[[ Data under study, beginning ]]
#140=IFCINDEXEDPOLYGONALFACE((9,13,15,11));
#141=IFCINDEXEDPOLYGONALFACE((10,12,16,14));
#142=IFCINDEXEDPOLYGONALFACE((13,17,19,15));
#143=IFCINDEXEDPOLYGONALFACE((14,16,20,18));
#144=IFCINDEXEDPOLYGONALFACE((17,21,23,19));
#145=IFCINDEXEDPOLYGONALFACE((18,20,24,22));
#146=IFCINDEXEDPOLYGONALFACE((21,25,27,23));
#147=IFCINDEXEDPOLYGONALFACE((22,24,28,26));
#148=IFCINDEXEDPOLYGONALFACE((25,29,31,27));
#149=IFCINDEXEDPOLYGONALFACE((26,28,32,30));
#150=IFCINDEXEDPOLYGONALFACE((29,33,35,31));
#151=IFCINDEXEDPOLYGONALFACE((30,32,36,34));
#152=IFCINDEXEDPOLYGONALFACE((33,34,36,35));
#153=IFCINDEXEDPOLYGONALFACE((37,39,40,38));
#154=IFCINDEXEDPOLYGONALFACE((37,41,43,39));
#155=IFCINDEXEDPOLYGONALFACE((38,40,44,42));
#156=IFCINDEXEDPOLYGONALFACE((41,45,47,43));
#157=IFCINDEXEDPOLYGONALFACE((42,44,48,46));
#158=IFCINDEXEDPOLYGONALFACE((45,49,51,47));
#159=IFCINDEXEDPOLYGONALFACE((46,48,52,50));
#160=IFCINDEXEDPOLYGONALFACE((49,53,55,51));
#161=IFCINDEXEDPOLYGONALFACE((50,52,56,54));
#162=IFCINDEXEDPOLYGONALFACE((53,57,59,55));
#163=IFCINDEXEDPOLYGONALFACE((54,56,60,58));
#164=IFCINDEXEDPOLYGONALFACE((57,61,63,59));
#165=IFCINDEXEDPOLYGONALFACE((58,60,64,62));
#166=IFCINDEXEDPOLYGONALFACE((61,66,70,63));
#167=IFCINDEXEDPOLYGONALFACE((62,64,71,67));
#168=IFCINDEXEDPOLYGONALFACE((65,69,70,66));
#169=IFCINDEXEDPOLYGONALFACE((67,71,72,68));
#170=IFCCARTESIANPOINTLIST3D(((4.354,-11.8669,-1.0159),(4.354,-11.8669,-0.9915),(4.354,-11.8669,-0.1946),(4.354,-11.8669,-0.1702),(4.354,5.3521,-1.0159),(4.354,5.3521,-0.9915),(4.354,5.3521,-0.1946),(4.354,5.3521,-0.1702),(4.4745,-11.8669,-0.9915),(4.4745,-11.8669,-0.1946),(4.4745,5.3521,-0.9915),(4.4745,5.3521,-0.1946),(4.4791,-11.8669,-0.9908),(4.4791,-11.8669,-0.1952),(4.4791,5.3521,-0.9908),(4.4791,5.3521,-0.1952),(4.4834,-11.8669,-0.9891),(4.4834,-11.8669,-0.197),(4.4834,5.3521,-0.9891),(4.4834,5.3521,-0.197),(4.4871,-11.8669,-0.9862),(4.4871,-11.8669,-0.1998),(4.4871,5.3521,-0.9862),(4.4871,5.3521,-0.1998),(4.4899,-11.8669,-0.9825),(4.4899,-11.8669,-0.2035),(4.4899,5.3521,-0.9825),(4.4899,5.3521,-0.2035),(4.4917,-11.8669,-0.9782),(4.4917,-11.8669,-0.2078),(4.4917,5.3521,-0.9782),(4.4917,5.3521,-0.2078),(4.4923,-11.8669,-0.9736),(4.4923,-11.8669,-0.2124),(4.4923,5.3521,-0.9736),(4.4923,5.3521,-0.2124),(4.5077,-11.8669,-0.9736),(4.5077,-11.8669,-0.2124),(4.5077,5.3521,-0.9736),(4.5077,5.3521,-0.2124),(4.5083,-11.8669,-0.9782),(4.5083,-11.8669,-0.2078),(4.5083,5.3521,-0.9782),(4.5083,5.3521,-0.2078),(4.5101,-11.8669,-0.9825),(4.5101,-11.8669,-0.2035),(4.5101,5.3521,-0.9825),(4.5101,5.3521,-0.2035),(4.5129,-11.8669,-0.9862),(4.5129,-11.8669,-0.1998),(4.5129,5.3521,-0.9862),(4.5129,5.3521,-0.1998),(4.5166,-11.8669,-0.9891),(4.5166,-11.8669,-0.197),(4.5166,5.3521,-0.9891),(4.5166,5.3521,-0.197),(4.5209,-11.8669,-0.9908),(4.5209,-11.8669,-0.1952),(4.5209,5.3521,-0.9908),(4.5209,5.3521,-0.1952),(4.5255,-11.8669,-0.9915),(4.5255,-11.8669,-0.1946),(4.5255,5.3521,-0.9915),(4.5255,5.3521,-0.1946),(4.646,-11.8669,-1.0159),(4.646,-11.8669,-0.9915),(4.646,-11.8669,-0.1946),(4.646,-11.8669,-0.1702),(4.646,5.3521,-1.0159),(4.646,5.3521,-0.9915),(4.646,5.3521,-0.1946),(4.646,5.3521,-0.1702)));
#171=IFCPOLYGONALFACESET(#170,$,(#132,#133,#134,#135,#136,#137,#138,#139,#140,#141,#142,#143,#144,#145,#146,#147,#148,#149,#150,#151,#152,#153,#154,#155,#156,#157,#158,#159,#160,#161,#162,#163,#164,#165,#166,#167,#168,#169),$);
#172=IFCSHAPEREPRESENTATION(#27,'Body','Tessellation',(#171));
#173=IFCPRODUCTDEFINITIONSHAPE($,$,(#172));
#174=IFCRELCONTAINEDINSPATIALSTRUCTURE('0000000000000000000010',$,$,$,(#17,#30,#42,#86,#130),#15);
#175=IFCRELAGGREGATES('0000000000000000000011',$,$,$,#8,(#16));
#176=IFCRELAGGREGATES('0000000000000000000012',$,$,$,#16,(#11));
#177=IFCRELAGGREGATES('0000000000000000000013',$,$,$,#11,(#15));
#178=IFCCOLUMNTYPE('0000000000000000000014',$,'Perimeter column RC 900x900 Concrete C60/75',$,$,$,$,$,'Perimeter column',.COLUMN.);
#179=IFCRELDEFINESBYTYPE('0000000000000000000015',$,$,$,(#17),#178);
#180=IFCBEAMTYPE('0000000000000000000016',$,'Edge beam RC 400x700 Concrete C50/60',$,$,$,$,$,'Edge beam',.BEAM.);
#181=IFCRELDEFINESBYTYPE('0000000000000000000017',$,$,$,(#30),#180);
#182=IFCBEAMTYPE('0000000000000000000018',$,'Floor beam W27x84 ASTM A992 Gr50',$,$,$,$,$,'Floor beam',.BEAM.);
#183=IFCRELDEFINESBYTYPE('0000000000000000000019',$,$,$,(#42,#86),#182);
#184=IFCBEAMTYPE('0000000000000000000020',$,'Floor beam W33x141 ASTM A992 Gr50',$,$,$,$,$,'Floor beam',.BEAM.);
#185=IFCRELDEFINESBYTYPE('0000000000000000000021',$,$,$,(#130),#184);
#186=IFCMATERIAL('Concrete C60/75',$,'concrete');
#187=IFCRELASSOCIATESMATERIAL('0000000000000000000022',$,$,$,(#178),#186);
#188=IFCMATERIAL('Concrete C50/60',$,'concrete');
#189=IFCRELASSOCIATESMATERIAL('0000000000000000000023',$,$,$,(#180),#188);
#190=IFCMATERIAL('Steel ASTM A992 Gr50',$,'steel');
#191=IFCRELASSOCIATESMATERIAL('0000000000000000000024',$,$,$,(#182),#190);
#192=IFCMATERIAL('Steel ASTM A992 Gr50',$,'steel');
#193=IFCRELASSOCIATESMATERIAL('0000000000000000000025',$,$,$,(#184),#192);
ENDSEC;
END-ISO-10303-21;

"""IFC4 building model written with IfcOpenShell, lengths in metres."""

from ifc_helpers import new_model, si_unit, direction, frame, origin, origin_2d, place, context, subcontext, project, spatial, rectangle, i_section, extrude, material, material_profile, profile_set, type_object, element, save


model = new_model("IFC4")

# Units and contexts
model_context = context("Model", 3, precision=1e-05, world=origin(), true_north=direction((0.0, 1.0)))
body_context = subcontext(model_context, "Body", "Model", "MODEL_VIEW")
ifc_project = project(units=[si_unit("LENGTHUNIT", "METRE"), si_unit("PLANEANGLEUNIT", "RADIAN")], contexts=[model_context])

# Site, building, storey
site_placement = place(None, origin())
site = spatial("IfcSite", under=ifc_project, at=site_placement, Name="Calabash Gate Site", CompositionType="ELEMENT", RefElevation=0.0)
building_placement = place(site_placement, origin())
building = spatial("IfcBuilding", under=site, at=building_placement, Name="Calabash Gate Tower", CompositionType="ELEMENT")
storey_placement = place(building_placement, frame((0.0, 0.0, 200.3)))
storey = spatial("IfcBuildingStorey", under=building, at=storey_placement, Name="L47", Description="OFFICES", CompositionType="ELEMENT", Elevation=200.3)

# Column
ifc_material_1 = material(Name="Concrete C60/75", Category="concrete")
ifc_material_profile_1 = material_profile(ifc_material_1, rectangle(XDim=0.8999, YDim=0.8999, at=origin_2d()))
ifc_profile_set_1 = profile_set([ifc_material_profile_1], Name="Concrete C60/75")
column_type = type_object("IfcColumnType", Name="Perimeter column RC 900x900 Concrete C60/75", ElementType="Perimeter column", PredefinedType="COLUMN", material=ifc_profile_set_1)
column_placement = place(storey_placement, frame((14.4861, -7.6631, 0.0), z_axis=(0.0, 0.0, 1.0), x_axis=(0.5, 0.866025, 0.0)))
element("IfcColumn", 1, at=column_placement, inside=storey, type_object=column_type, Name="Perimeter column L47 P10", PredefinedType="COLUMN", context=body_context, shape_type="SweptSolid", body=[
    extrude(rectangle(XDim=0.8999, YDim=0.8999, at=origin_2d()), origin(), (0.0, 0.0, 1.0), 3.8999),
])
[[ Data under study, end ]]
▶ _Work to be completed_: When the word "IFCRELAGGREGATES" appears in a line of the listing, pull that line out.

▶ _Response area_:
#175=IFCRELAGGREGATES('0000000000000000000011',$,$,$,#8,(#16));
#176=IFCRELAGGREGATES('0000000000000000000012',$,$,$,#16,(#11));
#177=IFCRELAGGREGATES('0000000000000000000013',$,$,$,#11,(#15));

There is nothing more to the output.